[Data listing — start]

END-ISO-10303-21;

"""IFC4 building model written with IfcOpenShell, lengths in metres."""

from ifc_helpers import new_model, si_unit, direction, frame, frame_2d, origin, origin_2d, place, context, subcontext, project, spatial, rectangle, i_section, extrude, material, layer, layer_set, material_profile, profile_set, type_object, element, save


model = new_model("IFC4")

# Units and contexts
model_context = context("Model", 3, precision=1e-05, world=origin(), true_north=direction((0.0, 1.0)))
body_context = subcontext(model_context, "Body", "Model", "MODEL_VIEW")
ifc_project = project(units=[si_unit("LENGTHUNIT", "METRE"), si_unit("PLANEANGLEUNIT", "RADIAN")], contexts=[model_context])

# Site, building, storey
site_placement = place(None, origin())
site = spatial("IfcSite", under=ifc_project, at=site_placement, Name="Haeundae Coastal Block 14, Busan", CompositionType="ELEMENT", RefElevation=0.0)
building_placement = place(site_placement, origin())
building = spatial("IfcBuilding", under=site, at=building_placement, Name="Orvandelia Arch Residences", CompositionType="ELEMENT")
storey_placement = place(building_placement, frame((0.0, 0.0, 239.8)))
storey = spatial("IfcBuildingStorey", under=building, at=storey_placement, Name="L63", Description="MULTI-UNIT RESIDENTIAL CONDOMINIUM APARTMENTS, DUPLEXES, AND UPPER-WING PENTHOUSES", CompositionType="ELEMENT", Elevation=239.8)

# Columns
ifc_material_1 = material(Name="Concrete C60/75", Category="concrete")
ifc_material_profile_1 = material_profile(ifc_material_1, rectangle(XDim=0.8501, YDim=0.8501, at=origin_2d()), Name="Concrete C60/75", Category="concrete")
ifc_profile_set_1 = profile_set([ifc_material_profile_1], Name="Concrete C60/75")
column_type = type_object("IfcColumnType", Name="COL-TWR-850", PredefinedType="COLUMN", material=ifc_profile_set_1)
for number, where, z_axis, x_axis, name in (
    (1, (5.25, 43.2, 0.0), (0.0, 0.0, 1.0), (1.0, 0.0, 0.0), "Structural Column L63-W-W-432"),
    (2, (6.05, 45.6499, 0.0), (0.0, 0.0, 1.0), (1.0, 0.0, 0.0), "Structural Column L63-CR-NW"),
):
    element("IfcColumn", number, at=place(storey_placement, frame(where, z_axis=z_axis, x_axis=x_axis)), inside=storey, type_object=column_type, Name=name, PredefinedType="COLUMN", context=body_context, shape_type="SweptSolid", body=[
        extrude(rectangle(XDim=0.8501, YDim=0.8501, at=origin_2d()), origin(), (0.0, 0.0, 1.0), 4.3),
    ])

[Data listing — finish]

» **What you are asked to do**
Every record, from top to bottom, must be transcribed exactly.

» **Solved problem**
END-ISO-10303-21;

"""IFC4 building model written with IfcOpenShell, lengths in metres."""

from ifc_helpers import new_model, si_unit, direction, frame, frame_2d, origin, origin_2d, place, context, subcontext, project, spatial, rectangle, i_section, extrude, material, layer, layer_set, material_profile, profile_set, type_object, element, save


model = new_model("IFC4")

# Units and contexts
model_context = context("Model", 3, precision=1e-05, world=origin(), true_north=direction((0.0, 1.0)))
body_context = subcontext(model_context, "Body", "Model", "MODEL_VIEW")
ifc_project = project(units=[si_unit("LENGTHUNIT", "METRE"), si_unit("PLANEANGLEUNIT", "RADIAN")], contexts=[model_context])

# Site, building, storey
site_placement = place(None, origin())
site = spatial("IfcSite", under=ifc_project, at=site_placement, Name="Haeundae Coastal Block 14, Busan", CompositionType="ELEMENT", RefElevation=0.0)
building_placement = place(site_placement, origin())
building = spatial("IfcBuilding", under=site, at=building_placement, Name="Orvandelia Arch Residences", CompositionType="ELEMENT")
storey_placement = place(building_placement, frame((0.0, 0.0, 239.8)))
storey = spatial("IfcBuildingStorey", under=building, at=storey_placement, Name="L63", Description="MULTI-UNIT RESIDENTIAL CONDOMINIUM APARTMENTS, DUPLEXES, AND UPPER-WING PENTHOUSES", CompositionType="ELEMENT", Elevation=239.8)

# Columns
ifc_material_1 = material(Name="Concrete C60/75", Category="concrete")
ifc_material_profile_1 = material_profile(ifc_material_1, rectangle(XDim=0.8501, YDim=0.8501, at=origin_2d()), Name="Concrete C60/75", Category="concrete")
ifc_profile_set_1 = profile_set([ifc_material_profile_1], Name="Concrete C60/75")
column_type = type_object("IfcColumnType", Name="COL-TWR-850", PredefinedType="COLUMN", material=ifc_profile_set_1)
for number, where, z_axis, x_axis, name in (
    (1, (5.25, 43.2, 0.0), (0.0, 0.0, 1.0), (1.0, 0.0, 0.0), "Structural Column L63-W-W-432"),
    (2, (6.05, 45.6499, 0.0), (0.0, 0.0, 1.0), (1.0, 0.0, 0.0), "Structural Column L63-CR-NW"),
):
    element("IfcColumn", number, at=place(storey_placement, frame(where, z_axis=z_axis, x_axis=x_axis)), inside=storey, type_object=column_type, Name=name, PredefinedType="COLUMN", context=body_context, shape_type="SweptSolid", body=[
        extrude(rectangle(XDim=0.8501, YDim=0.8501, at=origin_2d()), origin(), (0.0, 0.0, 1.0), 4.3),
    ])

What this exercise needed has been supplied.